- ABOUT THIS EXERCISE
Using the listing below, copy exactly the lines from the one containing "#97=IFCLOCALPLACEMENT(#14,#2);" to the one containing "#138=IFCINDEXEDPOLYGONALFACE((73,74,82,81));", both lines included, and no others.

- DATA PROVIDED

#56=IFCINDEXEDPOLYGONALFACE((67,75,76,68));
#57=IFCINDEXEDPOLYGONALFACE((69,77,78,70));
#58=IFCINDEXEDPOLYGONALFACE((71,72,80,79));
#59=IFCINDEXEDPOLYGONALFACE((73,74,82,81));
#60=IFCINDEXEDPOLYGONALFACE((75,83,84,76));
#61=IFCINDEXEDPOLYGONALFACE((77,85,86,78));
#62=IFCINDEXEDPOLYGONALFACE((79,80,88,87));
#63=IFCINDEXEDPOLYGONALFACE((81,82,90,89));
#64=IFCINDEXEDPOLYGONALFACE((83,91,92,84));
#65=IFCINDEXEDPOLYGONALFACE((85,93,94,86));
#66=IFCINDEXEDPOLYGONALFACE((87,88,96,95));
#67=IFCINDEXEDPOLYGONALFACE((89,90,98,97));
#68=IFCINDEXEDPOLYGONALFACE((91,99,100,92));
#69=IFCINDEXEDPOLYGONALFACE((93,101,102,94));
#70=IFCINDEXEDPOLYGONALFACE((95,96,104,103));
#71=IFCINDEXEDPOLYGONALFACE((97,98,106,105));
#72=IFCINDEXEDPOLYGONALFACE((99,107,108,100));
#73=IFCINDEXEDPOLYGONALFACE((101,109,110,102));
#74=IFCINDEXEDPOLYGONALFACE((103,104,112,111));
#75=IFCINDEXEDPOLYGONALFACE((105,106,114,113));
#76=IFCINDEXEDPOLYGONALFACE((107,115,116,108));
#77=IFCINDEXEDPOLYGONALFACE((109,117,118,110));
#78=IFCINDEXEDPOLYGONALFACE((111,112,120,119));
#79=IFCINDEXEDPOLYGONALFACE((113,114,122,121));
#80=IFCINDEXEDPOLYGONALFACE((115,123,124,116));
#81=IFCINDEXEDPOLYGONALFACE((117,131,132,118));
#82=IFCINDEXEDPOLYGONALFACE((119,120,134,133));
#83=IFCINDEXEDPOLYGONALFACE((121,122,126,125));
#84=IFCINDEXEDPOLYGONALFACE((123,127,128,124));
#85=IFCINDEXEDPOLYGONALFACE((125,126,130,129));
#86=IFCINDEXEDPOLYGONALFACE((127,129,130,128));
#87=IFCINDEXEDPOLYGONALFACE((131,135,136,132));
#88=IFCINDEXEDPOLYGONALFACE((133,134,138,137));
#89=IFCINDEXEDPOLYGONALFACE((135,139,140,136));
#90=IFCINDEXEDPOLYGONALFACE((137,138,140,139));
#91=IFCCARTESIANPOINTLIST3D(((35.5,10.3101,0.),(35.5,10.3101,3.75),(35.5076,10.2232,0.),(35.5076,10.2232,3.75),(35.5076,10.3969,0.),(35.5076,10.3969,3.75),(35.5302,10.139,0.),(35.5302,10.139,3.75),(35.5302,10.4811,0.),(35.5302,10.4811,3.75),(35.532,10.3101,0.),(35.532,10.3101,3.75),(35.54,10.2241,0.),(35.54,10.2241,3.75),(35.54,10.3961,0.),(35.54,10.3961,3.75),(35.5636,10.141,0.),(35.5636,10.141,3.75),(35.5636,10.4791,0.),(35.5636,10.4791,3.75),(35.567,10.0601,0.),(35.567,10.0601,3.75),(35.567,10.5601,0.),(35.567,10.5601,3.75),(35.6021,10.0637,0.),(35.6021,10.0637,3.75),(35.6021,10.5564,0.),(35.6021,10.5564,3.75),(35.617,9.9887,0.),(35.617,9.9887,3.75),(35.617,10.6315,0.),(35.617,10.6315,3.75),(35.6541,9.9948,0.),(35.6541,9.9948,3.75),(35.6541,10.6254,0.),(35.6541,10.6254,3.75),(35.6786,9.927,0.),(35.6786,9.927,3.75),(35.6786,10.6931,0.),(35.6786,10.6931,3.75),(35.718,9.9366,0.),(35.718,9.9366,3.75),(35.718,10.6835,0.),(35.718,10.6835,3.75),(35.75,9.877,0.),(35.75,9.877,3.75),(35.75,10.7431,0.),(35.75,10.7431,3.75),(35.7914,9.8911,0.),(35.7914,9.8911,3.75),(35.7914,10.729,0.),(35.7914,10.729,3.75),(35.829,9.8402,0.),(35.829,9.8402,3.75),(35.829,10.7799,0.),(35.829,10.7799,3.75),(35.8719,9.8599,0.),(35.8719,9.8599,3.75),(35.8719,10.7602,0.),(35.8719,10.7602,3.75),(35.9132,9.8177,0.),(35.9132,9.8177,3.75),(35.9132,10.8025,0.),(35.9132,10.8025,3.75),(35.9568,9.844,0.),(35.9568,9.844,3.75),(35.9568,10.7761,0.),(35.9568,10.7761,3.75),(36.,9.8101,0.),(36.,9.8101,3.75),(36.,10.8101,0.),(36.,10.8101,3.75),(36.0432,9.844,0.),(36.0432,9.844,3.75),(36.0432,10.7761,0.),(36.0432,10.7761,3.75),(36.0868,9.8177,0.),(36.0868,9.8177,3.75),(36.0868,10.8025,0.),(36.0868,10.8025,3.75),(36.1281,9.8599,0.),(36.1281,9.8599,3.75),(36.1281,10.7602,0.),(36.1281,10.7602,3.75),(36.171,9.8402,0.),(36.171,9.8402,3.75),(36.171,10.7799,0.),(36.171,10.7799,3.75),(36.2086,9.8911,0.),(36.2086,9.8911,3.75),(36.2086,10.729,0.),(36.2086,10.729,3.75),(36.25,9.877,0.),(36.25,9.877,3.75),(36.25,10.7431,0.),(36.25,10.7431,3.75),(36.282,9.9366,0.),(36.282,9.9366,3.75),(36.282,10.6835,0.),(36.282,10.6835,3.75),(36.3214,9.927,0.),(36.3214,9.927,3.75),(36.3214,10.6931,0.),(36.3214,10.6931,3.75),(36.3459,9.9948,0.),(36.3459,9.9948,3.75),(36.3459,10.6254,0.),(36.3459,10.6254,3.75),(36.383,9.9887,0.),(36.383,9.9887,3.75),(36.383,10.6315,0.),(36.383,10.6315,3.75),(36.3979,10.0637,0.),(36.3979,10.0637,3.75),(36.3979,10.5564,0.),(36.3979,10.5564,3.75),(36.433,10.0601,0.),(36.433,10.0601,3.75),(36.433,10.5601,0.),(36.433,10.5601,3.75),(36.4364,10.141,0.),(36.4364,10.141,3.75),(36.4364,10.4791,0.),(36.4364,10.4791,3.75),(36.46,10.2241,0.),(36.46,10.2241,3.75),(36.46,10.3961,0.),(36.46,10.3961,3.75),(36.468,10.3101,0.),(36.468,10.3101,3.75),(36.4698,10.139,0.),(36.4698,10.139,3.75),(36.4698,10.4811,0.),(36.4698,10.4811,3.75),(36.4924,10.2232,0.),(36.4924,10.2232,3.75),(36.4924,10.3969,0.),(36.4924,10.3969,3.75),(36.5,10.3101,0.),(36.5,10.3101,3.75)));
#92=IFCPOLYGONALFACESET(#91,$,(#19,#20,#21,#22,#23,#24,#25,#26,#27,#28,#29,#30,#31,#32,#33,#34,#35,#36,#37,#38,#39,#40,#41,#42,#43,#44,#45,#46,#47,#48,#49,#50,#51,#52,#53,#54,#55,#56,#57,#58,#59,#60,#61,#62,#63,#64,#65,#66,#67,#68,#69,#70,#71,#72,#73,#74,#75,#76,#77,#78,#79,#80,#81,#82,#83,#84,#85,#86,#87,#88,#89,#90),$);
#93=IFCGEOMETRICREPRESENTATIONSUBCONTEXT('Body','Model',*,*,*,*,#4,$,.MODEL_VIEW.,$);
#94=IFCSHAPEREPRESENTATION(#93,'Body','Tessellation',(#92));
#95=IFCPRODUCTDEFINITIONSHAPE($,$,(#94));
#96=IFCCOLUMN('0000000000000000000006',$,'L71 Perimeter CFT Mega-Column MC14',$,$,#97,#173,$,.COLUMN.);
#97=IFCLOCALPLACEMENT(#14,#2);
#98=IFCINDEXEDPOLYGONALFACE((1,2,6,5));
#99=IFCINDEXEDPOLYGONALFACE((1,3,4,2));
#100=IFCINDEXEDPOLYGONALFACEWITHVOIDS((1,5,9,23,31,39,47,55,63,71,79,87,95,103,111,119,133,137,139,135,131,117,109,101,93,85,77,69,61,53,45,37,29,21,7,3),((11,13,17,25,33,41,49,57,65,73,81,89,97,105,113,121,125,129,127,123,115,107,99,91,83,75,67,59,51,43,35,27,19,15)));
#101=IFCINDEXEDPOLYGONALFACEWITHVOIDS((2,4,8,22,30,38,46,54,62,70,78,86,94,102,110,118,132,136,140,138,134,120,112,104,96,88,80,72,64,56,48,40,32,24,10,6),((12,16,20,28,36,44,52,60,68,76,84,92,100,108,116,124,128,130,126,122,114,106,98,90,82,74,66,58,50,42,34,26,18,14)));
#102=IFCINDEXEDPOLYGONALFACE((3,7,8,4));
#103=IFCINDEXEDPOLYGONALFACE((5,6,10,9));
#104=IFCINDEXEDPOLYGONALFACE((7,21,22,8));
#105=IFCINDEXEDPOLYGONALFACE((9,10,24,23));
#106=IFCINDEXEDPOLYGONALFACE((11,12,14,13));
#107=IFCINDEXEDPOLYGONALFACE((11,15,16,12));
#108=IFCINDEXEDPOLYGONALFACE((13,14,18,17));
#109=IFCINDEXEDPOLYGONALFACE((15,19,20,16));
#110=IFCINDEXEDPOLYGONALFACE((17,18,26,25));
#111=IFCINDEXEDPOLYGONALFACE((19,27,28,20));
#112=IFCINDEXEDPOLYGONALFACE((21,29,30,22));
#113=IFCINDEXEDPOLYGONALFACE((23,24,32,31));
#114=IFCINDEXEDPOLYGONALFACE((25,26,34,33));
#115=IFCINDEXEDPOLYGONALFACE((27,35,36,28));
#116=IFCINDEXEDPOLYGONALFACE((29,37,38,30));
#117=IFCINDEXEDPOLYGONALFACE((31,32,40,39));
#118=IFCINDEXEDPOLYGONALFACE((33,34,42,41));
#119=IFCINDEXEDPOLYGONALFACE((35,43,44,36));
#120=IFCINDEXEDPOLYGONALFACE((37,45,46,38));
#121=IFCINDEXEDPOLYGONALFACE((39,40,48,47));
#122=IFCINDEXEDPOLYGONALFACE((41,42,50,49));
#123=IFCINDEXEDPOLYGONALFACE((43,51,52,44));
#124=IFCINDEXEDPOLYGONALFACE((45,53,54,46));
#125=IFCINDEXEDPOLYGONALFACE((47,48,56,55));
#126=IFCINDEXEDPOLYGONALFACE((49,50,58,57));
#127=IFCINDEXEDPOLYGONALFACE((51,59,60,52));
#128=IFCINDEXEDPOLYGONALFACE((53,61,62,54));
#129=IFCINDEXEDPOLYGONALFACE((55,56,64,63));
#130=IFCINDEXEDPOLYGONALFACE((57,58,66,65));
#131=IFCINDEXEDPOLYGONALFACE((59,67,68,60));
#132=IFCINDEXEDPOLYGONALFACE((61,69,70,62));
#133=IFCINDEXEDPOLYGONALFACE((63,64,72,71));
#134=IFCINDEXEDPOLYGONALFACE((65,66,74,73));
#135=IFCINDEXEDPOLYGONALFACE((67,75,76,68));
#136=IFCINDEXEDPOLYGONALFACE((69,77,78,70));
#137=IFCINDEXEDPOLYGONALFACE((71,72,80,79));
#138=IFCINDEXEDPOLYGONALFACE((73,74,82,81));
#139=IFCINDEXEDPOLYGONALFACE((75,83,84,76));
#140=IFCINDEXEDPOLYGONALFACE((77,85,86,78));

- REPLY TO THE TASK
#97=IFCLOCALPLACEMENT(#14,#2);
#98=IFCINDEXEDPOLYGONALFACE((1,2,6,5));
#99=IFCINDEXEDPOLYGONALFACE((1,3,4,2));
#100=IFCINDEXEDPOLYGONALFACEWITHVOIDS((1,5,9,23,31,39,47,55,63,71,79,87,95,103,111,119,133,137,139,135,131,117,109,101,93,85,77,69,61,53,45,37,29,21,7,3),((11,13,17,25,33,41,49,57,65,73,81,89,97,105,113,121,125,129,127,123,115,107,99,91,83,75,67,59,51,43,35,27,19,15)));
#101=IFCINDEXEDPOLYGONALFACEWITHVOIDS((2,4,8,22,30,38,46,54,62,70,78,86,94,102,110,118,132,136,140,138,134,120,112,104,96,88,80,72,64,56,48,40,32,24,10,6),((12,16,20,28,36,44,52,60,68,76,84,92,100,108,116,124,128,130,126,122,114,106,98,90,82,74,66,58,50,42,34,26,18,14)));
#102=IFCINDEXEDPOLYGONALFACE((3,7,8,4));
#103=IFCINDEXEDPOLYGONALFACE((5,6,10,9));
#104=IFCINDEXEDPOLYGONALFACE((7,21,22,8));
#105=IFCINDEXEDPOLYGONALFACE((9,10,24,23));
#106=IFCINDEXEDPOLYGONALFACE((11,12,14,13));
#107=IFCINDEXEDPOLYGONALFACE((11,15,16,12));
#108=IFCINDEXEDPOLYGONALFACE((13,14,18,17));
#109=IFCINDEXEDPOLYGONALFACE((15,19,20,16));
#110=IFCINDEXEDPOLYGONALFACE((17,18,26,25));
#111=IFCINDEXEDPOLYGONALFACE((19,27,28,20));
#112=IFCINDEXEDPOLYGONALFACE((21,29,30,22));
#113=IFCINDEXEDPOLYGONALFACE((23,24,32,31));
#114=IFCINDEXEDPOLYGONALFACE((25,26,34,33));
#115=IFCINDEXEDPOLYGONALFACE((27,35,36,28));
#116=IFCINDEXEDPOLYGONALFACE((29,37,38,30));
#117=IFCINDEXEDPOLYGONALFACE((31,32,40,39));
#118=IFCINDEXEDPOLYGONALFACE((33,34,42,41));
#119=IFCINDEXEDPOLYGONALFACE((35,43,44,36));
#120=IFCINDEXEDPOLYGONALFACE((37,45,46,38));
#121=IFCINDEXEDPOLYGONALFACE((39,40,48,47));
#122=IFCINDEXEDPOLYGONALFACE((41,42,50,49));
#123=IFCINDEXEDPOLYGONALFACE((43,51,52,44));
#124=IFCINDEXEDPOLYGONALFACE((45,53,54,46));
#125=IFCINDEXEDPOLYGONALFACE((47,48,56,55));
#126=IFCINDEXEDPOLYGONALFACE((49,50,58,57));
#127=IFCINDEXEDPOLYGONALFACE((51,59,60,52));
#128=IFCINDEXEDPOLYGONALFACE((53,61,62,54));
#129=IFCINDEXEDPOLYGONALFACE((55,56,64,63));
#130=IFCINDEXEDPOLYGONALFACE((57,58,66,65));
#131=IFCINDEXEDPOLYGONALFACE((59,67,68,60));
#132=IFCINDEXEDPOLYGONALFACE((61,69,70,62));
#133=IFCINDEXEDPOLYGONALFACE((63,64,72,71));
#134=IFCINDEXEDPOLYGONALFACE((65,66,74,73));
#135=IFCINDEXEDPOLYGONALFACE((67,75,76,68));
#136=IFCINDEXEDPOLYGONALFACE((69,77,78,70));
#137=IFCINDEXEDPOLYGONALFACE((71,72,80,79));
#138=IFCINDEXEDPOLYGONALFACE((73,74,82,81));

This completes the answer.